## Required action
Report back each line of the data that contains the word "IFCRELASSOCIATESMATERIAL".

(Stored items)
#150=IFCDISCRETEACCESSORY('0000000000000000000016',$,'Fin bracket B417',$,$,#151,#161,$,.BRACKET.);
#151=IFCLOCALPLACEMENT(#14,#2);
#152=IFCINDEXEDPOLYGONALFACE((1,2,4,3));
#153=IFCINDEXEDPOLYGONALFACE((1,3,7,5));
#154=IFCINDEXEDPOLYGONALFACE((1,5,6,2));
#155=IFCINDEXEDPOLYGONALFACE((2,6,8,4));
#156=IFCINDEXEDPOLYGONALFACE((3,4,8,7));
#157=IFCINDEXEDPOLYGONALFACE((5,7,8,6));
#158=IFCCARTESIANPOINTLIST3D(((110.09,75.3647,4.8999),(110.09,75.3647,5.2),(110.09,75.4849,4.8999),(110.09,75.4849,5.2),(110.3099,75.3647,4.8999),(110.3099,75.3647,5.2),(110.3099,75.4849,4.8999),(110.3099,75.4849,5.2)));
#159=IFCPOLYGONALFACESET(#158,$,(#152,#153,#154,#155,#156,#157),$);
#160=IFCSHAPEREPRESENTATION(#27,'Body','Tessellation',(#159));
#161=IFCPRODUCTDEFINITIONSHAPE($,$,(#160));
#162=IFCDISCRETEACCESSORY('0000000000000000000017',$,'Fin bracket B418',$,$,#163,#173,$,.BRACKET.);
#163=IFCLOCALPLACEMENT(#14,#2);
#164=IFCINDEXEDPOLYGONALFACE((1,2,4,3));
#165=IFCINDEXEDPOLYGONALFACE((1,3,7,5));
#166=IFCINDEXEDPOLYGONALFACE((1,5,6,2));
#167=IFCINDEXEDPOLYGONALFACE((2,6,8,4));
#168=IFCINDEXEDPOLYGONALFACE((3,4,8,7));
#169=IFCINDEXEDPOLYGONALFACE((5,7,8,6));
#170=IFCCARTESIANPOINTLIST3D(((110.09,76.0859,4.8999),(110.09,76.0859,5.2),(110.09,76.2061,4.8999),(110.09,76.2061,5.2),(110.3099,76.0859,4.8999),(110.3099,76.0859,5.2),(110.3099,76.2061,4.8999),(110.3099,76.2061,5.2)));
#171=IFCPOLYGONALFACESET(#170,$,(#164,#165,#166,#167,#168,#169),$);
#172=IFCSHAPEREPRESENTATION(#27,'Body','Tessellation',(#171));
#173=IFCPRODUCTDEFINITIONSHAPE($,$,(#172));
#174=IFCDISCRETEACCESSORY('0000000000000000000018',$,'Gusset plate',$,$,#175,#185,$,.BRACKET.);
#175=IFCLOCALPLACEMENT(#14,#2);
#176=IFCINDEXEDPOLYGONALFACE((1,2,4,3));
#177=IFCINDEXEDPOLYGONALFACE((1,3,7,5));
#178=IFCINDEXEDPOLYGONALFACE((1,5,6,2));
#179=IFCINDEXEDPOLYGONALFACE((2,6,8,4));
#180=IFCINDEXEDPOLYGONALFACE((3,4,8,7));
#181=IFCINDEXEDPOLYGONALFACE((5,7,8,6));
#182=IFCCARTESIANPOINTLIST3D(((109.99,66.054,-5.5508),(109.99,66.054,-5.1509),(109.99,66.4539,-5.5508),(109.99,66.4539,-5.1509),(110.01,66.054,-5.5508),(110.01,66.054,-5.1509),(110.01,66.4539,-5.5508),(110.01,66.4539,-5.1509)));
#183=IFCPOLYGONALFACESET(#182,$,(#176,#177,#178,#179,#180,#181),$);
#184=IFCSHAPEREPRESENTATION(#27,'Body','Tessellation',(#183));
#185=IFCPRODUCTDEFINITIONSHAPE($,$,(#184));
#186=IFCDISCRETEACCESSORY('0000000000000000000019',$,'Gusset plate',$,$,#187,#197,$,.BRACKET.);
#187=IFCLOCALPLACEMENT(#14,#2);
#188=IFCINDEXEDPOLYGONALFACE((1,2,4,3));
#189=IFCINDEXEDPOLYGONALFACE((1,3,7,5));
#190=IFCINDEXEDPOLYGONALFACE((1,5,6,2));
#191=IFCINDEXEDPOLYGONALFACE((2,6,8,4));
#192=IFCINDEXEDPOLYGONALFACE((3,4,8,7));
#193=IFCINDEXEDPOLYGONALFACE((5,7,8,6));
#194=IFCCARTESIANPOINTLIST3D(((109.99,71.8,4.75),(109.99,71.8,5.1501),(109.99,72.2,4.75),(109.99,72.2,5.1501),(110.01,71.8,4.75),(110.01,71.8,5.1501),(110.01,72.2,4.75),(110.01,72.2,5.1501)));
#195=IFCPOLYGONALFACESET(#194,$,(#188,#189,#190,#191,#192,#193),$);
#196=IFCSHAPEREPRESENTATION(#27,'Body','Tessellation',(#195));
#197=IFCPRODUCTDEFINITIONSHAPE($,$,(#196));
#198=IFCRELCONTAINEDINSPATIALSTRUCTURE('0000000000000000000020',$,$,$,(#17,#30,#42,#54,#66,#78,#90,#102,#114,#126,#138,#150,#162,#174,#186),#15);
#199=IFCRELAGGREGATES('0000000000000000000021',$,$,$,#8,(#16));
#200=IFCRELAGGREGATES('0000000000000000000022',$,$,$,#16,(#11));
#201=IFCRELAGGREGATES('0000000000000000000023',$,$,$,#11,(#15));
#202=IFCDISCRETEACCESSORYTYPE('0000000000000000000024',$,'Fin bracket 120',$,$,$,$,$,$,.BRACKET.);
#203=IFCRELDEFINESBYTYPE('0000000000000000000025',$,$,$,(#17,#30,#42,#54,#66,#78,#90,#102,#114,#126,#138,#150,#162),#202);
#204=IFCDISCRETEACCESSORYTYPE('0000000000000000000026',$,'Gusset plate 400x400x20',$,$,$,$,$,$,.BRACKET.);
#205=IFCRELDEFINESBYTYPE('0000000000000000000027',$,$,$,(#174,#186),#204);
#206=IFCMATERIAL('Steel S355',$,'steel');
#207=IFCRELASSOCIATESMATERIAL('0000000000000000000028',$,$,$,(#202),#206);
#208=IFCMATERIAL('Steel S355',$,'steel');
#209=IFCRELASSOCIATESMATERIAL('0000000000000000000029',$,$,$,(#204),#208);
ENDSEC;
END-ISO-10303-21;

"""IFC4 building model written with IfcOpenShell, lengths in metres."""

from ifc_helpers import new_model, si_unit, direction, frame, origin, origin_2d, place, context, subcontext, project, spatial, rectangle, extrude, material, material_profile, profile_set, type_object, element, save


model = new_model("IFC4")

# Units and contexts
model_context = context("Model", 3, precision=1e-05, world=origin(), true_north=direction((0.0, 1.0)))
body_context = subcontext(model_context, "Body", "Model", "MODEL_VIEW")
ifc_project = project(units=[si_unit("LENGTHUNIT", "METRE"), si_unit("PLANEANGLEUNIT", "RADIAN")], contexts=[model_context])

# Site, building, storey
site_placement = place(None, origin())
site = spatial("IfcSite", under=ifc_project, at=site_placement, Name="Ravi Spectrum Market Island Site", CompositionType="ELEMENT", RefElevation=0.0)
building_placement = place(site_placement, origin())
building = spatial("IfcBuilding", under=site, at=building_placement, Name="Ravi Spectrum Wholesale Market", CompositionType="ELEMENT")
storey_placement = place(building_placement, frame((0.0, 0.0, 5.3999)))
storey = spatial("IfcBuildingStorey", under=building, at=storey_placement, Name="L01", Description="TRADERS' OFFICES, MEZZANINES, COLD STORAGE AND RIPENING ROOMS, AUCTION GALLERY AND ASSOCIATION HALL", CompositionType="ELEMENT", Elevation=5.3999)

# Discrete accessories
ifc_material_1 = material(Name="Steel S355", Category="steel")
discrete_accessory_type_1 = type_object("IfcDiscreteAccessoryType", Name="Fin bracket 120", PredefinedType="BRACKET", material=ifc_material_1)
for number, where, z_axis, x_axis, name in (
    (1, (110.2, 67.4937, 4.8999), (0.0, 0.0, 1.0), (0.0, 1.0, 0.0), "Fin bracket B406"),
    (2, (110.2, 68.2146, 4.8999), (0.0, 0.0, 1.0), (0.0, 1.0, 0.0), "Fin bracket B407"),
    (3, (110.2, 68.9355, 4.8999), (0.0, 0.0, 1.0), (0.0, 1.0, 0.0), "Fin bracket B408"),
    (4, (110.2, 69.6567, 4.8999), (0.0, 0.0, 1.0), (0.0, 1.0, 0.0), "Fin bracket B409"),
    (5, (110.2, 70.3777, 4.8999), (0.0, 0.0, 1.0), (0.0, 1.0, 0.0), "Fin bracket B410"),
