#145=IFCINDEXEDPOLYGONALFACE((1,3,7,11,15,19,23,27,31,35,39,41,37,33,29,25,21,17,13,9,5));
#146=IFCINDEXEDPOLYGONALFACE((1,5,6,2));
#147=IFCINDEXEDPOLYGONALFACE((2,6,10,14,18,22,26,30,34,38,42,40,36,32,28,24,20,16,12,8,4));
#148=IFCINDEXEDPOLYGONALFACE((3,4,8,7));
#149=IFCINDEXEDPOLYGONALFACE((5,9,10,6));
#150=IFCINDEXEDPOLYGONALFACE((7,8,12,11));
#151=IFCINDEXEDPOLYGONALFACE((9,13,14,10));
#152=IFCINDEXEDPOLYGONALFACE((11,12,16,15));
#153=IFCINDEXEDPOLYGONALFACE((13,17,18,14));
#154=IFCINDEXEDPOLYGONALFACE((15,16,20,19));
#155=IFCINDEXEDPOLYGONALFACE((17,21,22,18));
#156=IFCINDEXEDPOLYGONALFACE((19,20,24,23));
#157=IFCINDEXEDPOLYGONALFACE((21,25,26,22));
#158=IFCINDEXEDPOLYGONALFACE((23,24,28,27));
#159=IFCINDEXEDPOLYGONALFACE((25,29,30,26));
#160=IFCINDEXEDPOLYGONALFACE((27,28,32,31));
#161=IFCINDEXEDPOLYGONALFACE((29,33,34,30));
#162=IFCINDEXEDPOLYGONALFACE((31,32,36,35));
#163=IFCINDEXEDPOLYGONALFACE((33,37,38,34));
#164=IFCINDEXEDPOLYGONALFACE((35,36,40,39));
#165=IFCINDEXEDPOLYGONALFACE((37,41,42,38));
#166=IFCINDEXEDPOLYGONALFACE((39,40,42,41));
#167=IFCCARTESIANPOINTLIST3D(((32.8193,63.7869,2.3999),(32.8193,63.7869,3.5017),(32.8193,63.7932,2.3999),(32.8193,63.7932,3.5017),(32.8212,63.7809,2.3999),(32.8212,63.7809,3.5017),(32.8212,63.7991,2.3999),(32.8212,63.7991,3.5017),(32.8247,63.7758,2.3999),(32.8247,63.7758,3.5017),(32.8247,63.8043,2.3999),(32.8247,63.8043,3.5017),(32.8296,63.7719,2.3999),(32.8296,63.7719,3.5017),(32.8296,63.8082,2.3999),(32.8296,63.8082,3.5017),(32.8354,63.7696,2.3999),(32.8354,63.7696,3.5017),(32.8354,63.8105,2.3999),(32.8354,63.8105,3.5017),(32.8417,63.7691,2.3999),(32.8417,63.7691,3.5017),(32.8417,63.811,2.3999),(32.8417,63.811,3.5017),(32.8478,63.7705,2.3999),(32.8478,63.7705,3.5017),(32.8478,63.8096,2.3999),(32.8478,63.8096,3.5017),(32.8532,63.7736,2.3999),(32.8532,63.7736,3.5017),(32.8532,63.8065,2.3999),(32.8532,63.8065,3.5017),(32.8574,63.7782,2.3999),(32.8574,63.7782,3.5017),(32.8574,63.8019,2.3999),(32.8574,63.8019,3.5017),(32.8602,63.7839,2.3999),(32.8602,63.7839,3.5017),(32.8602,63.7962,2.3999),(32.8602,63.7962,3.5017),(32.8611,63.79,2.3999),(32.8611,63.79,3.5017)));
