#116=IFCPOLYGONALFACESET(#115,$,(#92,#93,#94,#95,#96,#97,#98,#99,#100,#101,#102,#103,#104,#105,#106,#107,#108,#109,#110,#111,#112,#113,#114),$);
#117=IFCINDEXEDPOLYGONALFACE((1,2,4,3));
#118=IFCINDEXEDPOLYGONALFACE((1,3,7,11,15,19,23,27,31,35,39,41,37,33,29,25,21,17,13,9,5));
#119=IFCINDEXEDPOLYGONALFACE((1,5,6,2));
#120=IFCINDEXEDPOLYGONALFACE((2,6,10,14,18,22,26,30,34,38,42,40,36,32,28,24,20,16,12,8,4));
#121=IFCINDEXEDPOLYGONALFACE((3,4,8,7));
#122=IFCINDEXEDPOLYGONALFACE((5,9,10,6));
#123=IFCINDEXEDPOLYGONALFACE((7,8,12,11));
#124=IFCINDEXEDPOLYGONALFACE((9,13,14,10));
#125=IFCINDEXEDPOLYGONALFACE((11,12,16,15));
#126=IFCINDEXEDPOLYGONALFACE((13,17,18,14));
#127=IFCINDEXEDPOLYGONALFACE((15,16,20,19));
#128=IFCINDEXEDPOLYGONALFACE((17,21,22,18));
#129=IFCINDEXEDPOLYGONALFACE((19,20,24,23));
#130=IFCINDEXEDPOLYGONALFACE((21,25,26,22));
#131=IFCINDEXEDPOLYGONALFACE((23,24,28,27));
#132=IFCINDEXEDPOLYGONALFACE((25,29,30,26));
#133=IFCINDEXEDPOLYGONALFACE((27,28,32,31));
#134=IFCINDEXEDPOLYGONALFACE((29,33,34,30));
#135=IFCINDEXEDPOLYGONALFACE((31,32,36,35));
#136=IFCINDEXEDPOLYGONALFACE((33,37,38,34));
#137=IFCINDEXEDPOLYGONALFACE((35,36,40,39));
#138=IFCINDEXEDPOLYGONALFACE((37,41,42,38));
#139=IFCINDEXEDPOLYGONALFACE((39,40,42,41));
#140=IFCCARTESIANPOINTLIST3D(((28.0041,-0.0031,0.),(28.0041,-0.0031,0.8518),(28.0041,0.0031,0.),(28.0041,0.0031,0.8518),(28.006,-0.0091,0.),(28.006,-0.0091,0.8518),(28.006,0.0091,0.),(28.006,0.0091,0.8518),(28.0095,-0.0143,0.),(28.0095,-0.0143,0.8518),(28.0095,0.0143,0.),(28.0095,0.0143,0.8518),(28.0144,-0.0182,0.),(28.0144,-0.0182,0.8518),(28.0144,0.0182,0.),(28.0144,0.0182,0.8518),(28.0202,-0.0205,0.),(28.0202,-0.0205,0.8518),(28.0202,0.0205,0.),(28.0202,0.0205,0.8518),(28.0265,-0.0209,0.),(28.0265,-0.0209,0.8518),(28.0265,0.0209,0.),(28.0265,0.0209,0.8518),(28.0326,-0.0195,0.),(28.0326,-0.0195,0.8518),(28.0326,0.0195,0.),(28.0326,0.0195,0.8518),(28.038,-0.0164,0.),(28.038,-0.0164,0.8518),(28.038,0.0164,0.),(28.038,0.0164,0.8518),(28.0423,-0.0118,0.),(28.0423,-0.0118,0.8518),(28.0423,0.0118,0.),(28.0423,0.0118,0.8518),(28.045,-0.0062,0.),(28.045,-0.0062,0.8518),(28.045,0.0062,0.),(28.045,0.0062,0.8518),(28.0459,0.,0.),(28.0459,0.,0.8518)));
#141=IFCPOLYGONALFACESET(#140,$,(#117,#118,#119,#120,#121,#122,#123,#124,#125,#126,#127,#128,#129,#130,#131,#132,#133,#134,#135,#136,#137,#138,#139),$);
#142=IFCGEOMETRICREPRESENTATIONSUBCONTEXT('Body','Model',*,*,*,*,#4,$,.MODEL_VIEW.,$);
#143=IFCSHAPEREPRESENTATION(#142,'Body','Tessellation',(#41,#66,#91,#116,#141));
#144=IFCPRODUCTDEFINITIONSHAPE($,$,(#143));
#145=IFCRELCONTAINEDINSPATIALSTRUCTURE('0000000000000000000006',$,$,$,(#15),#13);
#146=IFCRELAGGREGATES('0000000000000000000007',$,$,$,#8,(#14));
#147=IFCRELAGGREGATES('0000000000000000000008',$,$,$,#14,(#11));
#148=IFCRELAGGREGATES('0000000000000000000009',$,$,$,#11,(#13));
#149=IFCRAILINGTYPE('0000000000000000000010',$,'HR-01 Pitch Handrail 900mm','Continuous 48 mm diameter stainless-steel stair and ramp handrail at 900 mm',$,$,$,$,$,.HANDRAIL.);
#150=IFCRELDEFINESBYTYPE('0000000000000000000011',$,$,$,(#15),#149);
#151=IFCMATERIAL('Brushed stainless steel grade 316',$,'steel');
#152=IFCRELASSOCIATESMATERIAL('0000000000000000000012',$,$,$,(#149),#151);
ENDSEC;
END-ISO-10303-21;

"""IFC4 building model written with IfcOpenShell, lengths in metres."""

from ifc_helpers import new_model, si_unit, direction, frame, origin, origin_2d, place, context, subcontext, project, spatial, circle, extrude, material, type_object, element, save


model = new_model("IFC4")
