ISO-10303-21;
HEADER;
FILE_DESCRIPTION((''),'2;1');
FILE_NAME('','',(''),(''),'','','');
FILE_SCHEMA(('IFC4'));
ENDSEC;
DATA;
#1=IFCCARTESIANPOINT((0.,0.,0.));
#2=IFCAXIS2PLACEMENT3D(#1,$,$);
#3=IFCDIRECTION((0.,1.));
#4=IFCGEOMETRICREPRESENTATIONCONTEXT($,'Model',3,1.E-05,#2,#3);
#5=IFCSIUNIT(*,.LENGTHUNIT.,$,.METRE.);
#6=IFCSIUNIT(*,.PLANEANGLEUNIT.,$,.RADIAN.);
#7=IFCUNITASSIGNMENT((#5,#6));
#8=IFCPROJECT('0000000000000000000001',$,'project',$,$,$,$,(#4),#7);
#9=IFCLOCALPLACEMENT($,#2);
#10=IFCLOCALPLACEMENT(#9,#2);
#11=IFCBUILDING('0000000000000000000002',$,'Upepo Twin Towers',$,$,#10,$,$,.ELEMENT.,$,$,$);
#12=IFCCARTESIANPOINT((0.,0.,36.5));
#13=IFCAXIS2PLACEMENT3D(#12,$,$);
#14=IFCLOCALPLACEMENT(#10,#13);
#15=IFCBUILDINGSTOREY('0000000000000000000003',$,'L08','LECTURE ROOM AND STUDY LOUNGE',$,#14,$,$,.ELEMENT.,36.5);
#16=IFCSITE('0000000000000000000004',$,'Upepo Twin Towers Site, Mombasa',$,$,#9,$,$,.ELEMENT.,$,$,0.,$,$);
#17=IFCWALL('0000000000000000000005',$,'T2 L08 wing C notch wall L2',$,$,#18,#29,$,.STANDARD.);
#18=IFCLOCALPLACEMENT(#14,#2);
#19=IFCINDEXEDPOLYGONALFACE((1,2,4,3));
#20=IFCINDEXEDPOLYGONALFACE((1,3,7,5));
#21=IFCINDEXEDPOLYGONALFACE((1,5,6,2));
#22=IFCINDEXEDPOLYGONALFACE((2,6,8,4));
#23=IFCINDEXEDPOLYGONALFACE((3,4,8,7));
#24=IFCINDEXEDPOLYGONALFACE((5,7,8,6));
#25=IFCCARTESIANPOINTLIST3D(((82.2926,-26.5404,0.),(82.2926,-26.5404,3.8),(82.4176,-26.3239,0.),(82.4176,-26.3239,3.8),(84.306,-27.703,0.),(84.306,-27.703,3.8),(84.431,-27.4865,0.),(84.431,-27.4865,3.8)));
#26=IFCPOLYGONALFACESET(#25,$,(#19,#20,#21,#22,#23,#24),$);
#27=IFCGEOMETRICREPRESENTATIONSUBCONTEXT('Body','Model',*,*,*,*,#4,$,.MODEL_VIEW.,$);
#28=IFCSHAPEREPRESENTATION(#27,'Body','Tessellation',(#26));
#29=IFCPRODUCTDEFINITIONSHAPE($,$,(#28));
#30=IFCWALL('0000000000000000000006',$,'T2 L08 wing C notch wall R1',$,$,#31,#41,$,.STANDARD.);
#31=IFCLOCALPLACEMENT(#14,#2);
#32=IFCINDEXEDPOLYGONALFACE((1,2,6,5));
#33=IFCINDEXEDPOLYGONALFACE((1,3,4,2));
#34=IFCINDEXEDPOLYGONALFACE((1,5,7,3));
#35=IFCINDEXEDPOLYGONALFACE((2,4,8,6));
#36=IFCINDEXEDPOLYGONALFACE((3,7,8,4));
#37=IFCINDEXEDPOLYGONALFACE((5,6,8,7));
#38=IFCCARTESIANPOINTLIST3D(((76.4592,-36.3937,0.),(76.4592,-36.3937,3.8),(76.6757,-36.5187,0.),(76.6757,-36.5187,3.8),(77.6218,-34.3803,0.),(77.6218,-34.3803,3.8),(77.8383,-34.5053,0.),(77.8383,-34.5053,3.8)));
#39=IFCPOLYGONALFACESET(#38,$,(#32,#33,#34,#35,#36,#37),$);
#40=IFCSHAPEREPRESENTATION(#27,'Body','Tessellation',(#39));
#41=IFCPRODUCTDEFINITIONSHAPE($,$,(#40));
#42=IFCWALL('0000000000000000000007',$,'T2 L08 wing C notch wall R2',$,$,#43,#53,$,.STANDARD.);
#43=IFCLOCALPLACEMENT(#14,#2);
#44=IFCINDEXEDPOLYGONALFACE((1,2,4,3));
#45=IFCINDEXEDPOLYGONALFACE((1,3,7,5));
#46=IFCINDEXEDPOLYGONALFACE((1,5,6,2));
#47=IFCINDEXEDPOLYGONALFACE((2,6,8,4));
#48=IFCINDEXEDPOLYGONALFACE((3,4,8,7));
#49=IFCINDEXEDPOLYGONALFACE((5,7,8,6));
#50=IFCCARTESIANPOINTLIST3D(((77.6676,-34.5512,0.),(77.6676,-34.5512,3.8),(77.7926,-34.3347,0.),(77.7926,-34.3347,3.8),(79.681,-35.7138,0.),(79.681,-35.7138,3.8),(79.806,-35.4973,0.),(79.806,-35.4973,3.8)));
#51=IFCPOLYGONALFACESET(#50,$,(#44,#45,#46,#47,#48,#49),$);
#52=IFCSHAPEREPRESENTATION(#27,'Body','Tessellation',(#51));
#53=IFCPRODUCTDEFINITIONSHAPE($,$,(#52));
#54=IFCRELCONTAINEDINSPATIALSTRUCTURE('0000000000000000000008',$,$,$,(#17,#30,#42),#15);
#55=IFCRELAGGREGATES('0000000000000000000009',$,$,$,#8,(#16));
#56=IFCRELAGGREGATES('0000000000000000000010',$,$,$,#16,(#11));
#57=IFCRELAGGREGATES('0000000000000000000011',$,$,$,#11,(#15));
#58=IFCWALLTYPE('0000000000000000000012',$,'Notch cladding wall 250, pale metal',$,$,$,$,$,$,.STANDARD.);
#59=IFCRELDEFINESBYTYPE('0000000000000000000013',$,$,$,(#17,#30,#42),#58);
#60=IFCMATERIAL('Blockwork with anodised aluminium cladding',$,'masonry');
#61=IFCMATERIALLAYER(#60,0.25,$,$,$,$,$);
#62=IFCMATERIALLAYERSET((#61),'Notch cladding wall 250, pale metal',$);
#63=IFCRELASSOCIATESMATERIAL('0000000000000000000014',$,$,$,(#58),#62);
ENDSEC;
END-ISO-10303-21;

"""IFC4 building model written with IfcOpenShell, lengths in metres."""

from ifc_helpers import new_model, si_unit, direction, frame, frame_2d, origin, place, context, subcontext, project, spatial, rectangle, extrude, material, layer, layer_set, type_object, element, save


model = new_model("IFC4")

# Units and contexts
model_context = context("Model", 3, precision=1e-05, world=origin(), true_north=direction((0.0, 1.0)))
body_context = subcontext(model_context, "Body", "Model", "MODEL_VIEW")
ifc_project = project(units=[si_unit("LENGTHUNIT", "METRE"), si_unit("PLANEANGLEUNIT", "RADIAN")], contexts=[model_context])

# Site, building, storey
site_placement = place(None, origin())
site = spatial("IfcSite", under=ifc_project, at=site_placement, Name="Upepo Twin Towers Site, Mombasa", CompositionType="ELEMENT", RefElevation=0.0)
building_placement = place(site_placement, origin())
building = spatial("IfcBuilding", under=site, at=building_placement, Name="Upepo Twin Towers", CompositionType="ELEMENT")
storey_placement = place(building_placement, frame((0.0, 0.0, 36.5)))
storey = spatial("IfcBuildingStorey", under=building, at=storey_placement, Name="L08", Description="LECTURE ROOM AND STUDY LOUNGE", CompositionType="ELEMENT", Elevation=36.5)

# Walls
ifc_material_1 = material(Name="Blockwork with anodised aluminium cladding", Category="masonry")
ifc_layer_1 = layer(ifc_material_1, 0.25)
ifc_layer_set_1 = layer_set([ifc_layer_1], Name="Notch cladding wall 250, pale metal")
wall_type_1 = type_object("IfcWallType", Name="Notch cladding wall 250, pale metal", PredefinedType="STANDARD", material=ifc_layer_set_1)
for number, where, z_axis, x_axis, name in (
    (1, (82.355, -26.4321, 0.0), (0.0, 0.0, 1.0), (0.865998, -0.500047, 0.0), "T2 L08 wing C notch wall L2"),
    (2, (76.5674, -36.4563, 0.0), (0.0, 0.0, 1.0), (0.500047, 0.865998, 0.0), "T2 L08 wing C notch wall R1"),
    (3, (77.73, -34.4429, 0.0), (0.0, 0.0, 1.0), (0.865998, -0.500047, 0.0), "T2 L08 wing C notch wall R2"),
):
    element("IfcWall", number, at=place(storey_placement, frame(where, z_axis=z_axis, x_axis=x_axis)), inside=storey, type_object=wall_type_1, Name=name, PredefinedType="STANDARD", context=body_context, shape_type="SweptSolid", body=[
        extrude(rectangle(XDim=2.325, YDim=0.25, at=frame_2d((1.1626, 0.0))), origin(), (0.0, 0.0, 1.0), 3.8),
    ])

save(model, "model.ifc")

## Answer space
#207=IFCRELASSOCIATESMATERIAL('0000000000000000000028',$,$,$,(#202),#206);
#209=IFCRELASSOCIATESMATERIAL('0000000000000000000029',$,$,$,(#204),#208);
#152=IFCRELASSOCIATESMATERIAL('0000000000000000000012',$,$,$,(#149),#151);
#63=IFCRELASSOCIATESMATERIAL('0000000000000000000014',$,$,$,(#58),#62);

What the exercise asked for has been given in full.